EXERCISE -
Check each line of the data for "Tessellation" and select those that have it.

++++ DATA FOR PROCESSING ++++

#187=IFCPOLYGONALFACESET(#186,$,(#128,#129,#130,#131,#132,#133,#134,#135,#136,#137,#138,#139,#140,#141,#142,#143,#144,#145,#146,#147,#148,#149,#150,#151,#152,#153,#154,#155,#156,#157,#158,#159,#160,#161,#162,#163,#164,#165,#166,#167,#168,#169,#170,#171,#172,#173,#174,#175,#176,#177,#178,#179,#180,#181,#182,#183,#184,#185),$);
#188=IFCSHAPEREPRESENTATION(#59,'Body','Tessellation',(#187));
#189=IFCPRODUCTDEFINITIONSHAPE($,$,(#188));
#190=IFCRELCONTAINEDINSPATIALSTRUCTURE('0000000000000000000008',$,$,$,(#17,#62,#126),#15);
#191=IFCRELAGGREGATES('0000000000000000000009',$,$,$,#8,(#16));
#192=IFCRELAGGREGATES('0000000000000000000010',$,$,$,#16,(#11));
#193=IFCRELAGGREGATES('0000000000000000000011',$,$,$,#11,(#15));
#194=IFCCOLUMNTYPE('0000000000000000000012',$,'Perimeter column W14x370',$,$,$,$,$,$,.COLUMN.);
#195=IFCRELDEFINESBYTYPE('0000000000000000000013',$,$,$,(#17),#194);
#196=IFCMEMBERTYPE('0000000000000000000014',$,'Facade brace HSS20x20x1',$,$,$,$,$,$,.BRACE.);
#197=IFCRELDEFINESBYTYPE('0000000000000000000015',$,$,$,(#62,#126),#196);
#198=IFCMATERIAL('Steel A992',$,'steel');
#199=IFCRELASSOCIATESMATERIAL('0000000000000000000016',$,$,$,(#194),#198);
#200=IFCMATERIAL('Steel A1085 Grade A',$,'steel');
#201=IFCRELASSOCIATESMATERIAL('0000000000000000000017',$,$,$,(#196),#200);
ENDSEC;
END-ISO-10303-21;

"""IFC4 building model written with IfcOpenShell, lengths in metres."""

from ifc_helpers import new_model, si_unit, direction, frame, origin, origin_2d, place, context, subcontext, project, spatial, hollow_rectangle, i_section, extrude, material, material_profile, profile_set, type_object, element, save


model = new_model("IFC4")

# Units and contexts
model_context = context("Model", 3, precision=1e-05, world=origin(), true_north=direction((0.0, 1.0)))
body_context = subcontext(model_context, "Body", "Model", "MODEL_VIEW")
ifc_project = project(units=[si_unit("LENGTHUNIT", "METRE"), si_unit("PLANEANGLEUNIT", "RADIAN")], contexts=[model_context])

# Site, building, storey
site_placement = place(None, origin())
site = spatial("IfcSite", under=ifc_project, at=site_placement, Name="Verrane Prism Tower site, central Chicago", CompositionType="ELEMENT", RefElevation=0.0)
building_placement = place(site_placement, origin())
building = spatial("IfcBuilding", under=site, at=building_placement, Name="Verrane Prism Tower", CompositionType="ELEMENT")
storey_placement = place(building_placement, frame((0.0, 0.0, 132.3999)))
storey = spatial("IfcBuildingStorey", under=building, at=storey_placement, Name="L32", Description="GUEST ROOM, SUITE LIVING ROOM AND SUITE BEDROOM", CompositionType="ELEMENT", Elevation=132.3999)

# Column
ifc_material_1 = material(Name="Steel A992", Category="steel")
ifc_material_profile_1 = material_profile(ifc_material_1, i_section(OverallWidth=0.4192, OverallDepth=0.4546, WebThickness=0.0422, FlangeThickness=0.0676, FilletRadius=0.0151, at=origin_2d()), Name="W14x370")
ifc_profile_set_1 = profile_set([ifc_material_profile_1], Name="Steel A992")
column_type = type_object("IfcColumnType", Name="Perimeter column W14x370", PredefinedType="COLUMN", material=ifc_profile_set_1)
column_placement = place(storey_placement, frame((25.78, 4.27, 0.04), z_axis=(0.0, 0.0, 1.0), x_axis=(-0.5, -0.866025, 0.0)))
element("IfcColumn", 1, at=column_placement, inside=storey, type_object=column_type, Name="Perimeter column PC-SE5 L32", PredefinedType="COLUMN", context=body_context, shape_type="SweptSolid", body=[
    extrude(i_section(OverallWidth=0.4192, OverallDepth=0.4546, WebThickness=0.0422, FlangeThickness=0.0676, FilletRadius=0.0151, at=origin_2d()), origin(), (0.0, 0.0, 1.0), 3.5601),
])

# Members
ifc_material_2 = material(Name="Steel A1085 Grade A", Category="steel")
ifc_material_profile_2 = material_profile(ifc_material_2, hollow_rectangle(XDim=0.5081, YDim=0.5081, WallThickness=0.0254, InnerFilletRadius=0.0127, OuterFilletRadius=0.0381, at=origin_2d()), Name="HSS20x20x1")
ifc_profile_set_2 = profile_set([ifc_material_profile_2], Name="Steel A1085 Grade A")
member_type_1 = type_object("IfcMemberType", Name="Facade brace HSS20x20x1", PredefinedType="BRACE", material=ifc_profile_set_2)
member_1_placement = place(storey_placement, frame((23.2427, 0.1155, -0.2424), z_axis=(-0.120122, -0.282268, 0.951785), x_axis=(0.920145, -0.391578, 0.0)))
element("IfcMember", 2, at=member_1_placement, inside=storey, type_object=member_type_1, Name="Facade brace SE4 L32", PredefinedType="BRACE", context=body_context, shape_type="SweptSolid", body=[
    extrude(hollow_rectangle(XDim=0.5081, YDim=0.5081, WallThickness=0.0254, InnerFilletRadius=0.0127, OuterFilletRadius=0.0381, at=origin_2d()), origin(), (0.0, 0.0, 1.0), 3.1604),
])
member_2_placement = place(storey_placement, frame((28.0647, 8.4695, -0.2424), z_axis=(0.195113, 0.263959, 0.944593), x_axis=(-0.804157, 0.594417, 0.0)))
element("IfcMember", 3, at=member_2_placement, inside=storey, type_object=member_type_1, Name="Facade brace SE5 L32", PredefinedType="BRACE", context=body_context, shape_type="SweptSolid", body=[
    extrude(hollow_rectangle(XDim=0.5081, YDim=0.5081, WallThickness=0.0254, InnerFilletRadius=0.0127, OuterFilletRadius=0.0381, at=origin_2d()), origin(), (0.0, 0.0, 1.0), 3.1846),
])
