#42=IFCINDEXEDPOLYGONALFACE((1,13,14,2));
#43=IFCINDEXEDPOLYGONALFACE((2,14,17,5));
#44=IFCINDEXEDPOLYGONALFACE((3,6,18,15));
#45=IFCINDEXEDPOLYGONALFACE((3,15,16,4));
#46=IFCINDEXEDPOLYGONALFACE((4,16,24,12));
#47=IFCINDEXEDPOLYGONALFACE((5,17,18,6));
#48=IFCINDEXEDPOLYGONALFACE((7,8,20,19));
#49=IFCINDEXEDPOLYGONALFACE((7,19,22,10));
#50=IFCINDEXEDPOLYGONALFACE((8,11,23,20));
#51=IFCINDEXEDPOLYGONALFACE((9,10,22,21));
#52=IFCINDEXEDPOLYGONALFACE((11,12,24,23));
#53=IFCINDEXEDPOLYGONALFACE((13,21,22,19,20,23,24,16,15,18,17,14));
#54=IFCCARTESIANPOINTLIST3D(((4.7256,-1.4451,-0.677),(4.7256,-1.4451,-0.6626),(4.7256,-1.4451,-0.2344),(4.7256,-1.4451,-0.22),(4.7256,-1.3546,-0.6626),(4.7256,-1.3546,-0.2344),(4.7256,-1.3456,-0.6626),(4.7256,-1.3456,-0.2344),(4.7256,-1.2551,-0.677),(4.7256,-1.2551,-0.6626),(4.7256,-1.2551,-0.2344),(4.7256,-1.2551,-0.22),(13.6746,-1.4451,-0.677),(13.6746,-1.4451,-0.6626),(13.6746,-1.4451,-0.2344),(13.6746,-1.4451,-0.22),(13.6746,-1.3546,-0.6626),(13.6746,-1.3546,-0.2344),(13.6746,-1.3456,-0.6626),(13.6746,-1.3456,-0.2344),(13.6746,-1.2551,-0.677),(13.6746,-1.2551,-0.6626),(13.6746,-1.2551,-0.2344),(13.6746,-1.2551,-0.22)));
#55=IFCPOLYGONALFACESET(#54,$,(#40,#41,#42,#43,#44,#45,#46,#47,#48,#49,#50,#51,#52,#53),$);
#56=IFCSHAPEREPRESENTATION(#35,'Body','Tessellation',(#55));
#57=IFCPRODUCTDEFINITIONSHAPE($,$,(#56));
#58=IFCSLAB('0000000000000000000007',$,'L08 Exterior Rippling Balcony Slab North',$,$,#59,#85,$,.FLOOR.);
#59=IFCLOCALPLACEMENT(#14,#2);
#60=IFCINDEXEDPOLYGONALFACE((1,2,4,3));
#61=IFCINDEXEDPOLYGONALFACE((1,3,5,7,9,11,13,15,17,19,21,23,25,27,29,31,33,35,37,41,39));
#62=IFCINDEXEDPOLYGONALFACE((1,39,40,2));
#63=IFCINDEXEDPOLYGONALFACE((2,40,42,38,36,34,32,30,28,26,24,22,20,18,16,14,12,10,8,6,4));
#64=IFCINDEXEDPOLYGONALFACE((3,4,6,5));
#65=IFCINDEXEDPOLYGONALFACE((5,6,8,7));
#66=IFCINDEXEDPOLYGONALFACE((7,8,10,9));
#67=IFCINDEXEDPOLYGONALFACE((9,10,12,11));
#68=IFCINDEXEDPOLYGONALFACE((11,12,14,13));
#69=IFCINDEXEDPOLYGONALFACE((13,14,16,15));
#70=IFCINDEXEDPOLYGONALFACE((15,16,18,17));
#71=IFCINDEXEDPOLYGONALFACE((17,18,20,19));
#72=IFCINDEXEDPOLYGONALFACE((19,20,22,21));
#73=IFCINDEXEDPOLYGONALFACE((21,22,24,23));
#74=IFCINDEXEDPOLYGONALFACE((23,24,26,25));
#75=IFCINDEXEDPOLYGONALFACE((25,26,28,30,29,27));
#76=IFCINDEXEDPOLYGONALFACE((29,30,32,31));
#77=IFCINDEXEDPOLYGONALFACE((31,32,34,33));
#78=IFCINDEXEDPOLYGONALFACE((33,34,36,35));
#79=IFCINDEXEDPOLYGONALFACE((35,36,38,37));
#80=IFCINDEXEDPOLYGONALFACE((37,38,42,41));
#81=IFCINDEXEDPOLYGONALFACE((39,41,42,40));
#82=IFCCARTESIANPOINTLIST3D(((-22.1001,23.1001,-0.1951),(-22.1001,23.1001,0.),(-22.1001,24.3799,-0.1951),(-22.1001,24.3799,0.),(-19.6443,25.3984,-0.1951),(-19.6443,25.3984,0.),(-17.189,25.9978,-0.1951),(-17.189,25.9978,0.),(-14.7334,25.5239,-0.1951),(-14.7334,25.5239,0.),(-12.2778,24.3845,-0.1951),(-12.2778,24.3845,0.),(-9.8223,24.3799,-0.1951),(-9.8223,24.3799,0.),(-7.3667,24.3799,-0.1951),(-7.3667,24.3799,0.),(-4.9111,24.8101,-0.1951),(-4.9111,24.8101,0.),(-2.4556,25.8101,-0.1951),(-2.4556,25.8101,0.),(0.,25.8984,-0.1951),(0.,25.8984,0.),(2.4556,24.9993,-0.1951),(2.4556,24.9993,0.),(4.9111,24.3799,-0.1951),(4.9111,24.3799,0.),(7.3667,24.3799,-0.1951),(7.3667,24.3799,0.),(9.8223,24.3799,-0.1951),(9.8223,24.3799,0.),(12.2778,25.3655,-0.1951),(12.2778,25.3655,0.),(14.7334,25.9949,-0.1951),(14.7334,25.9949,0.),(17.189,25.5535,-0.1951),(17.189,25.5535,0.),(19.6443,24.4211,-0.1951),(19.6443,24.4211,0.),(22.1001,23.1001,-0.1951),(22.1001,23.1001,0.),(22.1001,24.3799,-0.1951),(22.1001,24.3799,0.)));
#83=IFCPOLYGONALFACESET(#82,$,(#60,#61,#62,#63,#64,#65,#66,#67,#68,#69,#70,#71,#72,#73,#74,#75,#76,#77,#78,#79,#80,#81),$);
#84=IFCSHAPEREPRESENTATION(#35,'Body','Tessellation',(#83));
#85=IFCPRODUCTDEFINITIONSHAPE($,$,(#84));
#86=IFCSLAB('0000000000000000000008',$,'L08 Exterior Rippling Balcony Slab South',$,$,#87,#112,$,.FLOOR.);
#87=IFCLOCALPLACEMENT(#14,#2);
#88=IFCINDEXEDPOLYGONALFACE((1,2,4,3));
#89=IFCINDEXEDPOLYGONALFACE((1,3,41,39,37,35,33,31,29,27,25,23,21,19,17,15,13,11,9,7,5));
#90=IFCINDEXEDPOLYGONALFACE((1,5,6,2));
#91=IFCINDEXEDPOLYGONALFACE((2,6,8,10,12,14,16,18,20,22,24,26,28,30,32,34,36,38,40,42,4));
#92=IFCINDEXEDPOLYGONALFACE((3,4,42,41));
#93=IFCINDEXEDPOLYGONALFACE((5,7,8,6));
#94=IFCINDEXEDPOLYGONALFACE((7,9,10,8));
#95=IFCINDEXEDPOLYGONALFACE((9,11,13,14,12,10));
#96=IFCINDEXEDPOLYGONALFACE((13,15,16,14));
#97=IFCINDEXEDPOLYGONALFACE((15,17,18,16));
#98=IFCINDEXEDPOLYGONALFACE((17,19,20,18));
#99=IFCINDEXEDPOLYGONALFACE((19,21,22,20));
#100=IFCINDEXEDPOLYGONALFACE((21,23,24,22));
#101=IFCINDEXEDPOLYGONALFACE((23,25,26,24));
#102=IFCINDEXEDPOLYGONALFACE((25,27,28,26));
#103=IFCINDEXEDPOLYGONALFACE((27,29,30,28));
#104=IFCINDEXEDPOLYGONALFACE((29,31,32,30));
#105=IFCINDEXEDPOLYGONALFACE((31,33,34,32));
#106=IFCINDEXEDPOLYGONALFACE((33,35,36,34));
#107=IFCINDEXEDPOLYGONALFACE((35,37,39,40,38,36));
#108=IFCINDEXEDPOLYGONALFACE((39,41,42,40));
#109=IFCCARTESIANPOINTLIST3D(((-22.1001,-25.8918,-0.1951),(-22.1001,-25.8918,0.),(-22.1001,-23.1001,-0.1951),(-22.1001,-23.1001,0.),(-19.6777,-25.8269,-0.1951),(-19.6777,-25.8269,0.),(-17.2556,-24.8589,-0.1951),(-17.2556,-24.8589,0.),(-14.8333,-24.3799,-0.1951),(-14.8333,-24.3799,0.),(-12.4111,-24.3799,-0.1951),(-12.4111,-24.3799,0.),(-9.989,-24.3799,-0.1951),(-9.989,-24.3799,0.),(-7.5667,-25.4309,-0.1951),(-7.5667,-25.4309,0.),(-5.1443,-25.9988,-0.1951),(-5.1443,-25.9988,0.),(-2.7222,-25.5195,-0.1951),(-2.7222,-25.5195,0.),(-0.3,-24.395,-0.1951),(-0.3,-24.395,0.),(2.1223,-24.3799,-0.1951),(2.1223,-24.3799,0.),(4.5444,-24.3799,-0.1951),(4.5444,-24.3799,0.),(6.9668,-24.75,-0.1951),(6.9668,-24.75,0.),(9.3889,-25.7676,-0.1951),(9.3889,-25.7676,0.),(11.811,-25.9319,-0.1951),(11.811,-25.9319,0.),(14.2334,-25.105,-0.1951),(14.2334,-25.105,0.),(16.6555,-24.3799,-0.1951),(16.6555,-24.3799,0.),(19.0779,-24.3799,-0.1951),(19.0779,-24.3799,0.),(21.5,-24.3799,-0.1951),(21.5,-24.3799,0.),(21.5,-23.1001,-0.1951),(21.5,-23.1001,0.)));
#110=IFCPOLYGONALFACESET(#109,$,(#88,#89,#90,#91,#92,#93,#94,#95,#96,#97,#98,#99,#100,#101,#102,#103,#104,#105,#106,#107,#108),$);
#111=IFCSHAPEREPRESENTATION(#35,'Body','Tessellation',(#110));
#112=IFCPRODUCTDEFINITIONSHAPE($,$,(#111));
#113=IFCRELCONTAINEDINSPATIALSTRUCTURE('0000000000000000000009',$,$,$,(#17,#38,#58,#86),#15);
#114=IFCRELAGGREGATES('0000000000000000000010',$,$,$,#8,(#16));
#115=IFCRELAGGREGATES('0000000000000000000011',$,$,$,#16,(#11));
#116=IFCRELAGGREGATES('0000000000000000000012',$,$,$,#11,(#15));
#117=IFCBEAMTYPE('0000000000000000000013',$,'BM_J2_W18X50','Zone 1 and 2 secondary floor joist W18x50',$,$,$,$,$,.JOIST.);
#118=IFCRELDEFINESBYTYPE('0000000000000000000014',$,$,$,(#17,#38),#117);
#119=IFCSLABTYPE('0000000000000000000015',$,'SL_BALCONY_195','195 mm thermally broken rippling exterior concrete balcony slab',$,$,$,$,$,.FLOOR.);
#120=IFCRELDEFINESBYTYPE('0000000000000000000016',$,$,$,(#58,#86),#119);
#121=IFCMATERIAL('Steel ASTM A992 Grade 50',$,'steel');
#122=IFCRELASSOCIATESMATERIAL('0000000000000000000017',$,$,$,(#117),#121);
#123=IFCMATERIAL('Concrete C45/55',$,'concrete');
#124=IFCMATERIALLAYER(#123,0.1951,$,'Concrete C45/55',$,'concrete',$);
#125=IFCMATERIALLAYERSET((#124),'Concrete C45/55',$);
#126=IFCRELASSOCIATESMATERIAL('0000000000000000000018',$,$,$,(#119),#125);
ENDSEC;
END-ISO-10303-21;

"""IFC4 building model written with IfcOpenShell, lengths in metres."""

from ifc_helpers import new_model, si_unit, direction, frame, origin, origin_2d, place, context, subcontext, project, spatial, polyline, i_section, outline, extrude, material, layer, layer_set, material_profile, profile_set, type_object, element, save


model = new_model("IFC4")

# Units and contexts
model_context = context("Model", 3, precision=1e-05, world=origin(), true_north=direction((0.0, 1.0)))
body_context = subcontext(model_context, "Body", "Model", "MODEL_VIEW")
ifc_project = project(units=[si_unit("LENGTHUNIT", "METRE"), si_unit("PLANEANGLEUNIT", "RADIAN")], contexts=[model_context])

++++

EXERCISE SOLUTION -
#188=IFCSHAPEREPRESENTATION(#59,'Body','Tessellation',(#187));
#56=IFCSHAPEREPRESENTATION(#35,'Body','Tessellation',(#55));
#84=IFCSHAPEREPRESENTATION(#35,'Body','Tessellation',(#83));
#111=IFCSHAPEREPRESENTATION(#35,'Body','Tessellation',(#110));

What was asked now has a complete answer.